• Try it: Only lines containing the string "WallThickness" belong in the answer; copy all of them from the entries.

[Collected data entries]
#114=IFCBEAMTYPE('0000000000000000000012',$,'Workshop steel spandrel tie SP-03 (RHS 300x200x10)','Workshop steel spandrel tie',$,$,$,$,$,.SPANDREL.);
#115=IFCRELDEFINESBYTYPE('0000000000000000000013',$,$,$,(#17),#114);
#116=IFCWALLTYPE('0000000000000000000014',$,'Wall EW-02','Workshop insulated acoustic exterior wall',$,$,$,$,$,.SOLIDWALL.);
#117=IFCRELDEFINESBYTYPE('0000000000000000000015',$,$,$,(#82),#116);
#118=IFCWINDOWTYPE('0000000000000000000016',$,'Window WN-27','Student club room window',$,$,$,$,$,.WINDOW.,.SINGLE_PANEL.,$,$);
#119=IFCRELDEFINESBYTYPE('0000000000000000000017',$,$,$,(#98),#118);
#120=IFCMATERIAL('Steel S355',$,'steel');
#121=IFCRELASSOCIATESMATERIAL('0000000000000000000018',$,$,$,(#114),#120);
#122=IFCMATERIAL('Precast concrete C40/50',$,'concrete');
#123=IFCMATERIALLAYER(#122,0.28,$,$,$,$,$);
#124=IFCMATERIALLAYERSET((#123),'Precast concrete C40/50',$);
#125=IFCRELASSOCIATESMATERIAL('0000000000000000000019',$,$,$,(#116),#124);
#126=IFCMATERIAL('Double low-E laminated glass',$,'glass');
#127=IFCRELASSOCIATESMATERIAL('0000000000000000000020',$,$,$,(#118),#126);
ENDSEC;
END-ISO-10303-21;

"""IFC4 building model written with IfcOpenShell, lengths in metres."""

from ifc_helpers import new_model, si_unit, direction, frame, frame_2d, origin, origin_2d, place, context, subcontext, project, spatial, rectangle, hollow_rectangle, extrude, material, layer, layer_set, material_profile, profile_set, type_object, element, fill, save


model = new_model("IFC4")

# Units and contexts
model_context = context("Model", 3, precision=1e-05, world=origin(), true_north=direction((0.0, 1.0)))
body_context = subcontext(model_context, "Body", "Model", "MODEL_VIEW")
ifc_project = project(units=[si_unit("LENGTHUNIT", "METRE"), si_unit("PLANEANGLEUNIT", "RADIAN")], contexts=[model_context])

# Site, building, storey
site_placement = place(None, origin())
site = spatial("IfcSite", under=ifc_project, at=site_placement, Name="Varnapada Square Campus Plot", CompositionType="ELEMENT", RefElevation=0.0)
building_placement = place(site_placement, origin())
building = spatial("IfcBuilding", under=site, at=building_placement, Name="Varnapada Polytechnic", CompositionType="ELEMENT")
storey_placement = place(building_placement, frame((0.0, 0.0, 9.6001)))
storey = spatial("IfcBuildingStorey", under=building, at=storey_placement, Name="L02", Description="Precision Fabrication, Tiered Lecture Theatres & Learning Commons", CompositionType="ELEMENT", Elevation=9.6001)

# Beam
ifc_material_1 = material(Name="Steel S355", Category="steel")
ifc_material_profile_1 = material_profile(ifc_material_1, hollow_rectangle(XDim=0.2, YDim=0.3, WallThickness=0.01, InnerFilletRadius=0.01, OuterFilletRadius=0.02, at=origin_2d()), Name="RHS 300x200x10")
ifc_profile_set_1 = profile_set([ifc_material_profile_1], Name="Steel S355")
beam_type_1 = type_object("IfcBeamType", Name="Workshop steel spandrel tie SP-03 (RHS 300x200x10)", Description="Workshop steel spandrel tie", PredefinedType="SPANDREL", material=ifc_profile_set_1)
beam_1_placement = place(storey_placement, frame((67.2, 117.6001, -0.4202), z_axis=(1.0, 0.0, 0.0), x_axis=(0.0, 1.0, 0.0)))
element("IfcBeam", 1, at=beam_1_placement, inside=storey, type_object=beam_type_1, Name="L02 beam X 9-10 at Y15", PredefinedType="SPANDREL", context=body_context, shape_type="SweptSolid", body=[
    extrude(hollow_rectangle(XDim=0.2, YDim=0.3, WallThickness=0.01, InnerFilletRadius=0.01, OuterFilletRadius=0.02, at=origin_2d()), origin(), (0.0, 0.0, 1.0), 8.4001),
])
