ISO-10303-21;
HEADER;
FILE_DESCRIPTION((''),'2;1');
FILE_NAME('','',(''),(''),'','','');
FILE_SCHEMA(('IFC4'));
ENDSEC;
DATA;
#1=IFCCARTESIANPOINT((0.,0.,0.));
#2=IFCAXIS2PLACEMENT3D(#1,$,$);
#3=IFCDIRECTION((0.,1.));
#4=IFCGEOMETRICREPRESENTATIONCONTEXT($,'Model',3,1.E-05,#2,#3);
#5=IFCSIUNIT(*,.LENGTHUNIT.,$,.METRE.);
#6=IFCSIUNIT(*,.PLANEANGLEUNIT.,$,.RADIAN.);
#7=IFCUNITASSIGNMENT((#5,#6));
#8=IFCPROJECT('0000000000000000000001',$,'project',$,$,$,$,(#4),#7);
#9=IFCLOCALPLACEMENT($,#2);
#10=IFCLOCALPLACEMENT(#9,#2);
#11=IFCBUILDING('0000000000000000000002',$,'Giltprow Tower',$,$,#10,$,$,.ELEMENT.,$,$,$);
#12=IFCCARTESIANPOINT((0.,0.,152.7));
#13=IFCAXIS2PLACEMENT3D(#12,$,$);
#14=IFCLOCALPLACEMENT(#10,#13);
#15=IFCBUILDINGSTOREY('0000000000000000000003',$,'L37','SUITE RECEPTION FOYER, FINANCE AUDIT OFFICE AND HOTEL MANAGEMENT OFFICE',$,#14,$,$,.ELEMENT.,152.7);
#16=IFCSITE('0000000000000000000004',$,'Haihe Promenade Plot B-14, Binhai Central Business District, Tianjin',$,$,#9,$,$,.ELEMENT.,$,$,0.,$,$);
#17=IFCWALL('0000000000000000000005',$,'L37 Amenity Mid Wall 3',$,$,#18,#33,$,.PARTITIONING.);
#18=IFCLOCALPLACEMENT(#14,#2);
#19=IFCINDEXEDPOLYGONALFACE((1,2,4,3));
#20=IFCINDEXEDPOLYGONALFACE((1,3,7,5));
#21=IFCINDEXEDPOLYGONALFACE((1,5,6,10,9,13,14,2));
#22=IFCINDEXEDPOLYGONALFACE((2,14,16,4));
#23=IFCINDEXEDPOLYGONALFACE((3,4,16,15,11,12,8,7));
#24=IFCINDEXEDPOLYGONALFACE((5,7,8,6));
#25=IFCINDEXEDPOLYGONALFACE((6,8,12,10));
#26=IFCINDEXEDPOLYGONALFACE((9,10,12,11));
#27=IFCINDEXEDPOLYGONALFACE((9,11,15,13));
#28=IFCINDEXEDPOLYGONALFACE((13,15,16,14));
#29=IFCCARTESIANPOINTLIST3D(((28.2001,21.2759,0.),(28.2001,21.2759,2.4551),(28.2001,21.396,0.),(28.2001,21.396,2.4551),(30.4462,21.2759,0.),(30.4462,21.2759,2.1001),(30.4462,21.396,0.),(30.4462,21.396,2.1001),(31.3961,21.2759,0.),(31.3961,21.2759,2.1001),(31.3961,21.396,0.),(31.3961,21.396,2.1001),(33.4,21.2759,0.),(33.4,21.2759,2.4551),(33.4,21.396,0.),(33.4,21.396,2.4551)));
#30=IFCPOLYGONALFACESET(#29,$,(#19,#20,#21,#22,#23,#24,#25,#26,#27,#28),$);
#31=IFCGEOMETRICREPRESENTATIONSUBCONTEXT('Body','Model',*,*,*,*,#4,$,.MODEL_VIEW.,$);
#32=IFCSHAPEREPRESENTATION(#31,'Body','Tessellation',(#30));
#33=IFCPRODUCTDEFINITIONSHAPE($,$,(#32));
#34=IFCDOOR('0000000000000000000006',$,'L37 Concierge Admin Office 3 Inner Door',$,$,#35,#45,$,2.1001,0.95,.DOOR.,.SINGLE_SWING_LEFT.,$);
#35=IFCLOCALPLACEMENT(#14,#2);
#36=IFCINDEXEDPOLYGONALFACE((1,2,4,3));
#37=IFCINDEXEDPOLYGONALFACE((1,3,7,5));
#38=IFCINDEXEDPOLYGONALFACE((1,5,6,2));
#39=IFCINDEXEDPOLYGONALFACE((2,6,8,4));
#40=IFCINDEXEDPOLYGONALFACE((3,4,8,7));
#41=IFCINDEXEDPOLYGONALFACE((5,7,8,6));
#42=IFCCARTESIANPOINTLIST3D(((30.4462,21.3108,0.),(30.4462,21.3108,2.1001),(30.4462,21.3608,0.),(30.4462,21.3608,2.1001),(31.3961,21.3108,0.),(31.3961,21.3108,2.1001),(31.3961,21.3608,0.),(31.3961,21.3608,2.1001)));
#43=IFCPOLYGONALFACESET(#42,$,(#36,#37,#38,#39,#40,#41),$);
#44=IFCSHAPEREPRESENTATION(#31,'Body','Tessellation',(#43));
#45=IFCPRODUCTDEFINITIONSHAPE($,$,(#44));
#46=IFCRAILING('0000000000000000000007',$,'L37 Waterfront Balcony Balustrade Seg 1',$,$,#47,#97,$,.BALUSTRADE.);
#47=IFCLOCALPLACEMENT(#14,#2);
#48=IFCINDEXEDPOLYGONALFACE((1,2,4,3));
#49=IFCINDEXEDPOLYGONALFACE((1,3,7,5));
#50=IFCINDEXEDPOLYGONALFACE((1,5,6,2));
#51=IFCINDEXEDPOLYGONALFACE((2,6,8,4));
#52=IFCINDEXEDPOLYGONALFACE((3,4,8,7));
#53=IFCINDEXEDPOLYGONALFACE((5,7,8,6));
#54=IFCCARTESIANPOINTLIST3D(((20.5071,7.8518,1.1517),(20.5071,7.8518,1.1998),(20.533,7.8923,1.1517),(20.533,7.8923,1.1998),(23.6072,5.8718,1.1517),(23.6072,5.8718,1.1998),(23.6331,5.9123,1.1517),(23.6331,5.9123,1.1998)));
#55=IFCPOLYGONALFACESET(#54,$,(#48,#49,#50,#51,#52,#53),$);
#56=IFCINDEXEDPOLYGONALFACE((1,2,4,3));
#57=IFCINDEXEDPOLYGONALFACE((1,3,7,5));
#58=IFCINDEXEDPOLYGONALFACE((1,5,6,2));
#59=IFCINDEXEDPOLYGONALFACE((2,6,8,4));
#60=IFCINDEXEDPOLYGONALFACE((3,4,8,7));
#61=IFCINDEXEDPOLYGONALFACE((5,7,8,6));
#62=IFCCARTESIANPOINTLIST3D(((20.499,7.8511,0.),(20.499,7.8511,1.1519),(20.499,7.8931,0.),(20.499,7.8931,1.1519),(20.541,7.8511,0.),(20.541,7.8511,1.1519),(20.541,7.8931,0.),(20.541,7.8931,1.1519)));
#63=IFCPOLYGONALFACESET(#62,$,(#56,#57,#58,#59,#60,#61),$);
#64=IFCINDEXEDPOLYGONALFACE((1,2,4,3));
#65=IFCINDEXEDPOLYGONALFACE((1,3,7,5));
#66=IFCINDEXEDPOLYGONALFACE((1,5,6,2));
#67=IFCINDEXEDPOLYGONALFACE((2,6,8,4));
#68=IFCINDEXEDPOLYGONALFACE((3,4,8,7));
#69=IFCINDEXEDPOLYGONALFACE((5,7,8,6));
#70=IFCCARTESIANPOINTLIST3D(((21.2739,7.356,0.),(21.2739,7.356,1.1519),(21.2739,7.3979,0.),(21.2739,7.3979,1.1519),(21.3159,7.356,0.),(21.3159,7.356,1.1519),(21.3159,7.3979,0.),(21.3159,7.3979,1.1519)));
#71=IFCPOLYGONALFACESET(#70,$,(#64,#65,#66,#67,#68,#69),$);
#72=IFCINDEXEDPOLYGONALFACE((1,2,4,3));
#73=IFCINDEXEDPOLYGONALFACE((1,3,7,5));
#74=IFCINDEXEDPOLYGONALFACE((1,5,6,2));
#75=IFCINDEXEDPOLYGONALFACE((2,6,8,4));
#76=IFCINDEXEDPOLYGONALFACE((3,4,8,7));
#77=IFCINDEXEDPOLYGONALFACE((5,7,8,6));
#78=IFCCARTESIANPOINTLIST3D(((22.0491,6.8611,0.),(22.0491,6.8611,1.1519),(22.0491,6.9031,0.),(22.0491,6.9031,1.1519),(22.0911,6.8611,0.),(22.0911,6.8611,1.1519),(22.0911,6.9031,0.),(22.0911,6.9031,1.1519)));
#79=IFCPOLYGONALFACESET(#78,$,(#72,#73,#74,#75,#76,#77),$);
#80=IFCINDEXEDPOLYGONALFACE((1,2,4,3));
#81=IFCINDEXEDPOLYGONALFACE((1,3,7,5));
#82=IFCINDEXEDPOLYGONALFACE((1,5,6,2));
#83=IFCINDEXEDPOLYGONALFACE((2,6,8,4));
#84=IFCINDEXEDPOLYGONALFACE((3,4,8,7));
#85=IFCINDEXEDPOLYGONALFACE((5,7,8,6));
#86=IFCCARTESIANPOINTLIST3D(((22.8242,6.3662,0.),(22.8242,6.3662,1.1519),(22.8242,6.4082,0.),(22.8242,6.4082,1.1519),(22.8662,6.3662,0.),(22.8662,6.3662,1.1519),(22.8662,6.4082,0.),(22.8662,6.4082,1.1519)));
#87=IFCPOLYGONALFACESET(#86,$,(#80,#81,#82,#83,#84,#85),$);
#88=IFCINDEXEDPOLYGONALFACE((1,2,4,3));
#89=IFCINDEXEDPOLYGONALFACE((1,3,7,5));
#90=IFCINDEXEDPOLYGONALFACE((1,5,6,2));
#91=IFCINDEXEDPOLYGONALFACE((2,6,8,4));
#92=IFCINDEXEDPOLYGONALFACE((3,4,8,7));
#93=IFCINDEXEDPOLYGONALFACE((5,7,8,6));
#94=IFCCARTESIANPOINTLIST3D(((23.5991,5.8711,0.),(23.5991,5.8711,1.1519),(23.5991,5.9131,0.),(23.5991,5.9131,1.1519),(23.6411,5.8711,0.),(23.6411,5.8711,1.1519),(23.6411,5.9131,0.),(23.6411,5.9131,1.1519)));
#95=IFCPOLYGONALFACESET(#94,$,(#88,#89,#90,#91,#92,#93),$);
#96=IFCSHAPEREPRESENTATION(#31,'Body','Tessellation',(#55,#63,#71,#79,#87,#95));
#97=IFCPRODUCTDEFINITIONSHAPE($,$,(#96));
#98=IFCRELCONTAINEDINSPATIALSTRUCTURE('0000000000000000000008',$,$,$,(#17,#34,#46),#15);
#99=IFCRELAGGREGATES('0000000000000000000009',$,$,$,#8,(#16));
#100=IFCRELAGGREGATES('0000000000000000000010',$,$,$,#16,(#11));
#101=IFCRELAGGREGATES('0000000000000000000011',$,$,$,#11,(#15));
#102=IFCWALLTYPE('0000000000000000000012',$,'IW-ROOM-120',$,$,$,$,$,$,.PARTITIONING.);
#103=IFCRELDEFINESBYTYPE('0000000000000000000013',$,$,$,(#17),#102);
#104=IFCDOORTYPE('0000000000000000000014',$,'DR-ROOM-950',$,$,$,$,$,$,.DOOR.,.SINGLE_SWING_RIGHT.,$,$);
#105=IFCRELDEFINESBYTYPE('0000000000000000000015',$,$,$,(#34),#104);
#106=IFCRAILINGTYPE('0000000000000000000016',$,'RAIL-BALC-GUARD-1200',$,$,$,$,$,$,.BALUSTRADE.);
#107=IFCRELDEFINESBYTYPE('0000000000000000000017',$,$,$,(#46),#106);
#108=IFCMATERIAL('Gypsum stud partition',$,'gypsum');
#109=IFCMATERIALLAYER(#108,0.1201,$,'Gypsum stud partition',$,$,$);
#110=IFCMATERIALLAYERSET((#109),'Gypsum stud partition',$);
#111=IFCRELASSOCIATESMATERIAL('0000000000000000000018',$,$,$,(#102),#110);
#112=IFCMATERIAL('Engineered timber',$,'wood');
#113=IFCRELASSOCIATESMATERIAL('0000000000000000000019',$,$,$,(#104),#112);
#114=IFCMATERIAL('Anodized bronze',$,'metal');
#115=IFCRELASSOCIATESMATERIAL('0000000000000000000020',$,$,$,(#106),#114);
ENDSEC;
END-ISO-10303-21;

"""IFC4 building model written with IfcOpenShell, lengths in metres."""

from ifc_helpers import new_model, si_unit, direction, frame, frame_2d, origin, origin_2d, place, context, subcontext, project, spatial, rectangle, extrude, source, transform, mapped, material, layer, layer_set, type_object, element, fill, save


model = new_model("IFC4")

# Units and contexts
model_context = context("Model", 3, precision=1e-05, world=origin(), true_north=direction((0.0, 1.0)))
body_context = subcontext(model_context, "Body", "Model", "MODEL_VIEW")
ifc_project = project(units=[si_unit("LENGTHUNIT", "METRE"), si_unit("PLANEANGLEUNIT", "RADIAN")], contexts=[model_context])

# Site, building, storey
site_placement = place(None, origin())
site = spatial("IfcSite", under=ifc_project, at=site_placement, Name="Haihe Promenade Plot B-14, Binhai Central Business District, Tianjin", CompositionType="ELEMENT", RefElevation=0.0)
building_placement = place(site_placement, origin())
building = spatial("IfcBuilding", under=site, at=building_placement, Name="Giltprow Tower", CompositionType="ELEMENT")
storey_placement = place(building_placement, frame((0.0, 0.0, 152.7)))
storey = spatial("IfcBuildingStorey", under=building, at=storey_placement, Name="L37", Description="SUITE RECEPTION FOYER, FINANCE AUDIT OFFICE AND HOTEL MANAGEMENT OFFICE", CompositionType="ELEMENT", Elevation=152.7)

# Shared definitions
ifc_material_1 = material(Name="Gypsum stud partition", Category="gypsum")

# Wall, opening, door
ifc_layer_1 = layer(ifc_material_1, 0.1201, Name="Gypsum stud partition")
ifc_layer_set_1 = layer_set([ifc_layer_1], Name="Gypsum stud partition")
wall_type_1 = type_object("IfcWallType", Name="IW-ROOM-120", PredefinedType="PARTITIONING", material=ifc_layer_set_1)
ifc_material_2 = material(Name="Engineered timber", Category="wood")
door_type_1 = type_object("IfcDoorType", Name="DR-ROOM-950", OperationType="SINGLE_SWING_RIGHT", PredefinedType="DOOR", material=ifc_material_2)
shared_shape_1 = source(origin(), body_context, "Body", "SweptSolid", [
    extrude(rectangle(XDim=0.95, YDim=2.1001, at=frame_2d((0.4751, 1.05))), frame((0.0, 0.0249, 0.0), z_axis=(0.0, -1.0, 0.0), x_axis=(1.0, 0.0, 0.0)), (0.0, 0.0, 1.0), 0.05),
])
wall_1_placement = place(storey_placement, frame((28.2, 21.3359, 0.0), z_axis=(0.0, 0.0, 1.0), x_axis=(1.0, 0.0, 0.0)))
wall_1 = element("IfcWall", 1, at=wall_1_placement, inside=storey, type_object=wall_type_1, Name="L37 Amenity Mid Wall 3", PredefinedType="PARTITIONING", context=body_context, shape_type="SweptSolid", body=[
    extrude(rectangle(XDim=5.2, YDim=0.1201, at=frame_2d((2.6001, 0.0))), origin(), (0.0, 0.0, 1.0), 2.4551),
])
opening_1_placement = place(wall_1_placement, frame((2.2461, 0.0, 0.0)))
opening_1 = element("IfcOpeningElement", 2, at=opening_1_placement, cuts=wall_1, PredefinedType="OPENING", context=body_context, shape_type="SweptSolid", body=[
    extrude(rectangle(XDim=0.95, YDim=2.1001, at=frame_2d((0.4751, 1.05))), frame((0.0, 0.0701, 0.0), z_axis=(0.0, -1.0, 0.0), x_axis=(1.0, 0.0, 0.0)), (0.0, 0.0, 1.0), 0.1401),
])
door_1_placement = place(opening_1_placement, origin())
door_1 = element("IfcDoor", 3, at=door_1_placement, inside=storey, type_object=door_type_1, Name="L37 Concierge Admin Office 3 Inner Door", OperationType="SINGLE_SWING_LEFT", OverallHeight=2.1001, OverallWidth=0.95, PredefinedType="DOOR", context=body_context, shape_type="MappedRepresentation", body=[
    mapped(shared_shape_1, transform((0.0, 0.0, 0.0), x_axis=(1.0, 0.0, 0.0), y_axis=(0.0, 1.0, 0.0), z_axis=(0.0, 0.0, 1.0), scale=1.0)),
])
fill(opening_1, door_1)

• Solution to the exercise:
ifc_material_profile_1 = material_profile(ifc_material_1, hollow_rectangle(XDim=0.2, YDim=0.3, WallThickness=0.01, InnerFilletRadius=0.01, OuterFilletRadius=0.02, at=origin_2d()), Name="RHS 300x200x10")
    extrude(hollow_rectangle(XDim=0.2, YDim=0.3, WallThickness=0.01, InnerFilletRadius=0.01, OuterFilletRadius=0.02, at=origin_2d()), origin(), (0.0, 0.0, 1.0), 8.4001),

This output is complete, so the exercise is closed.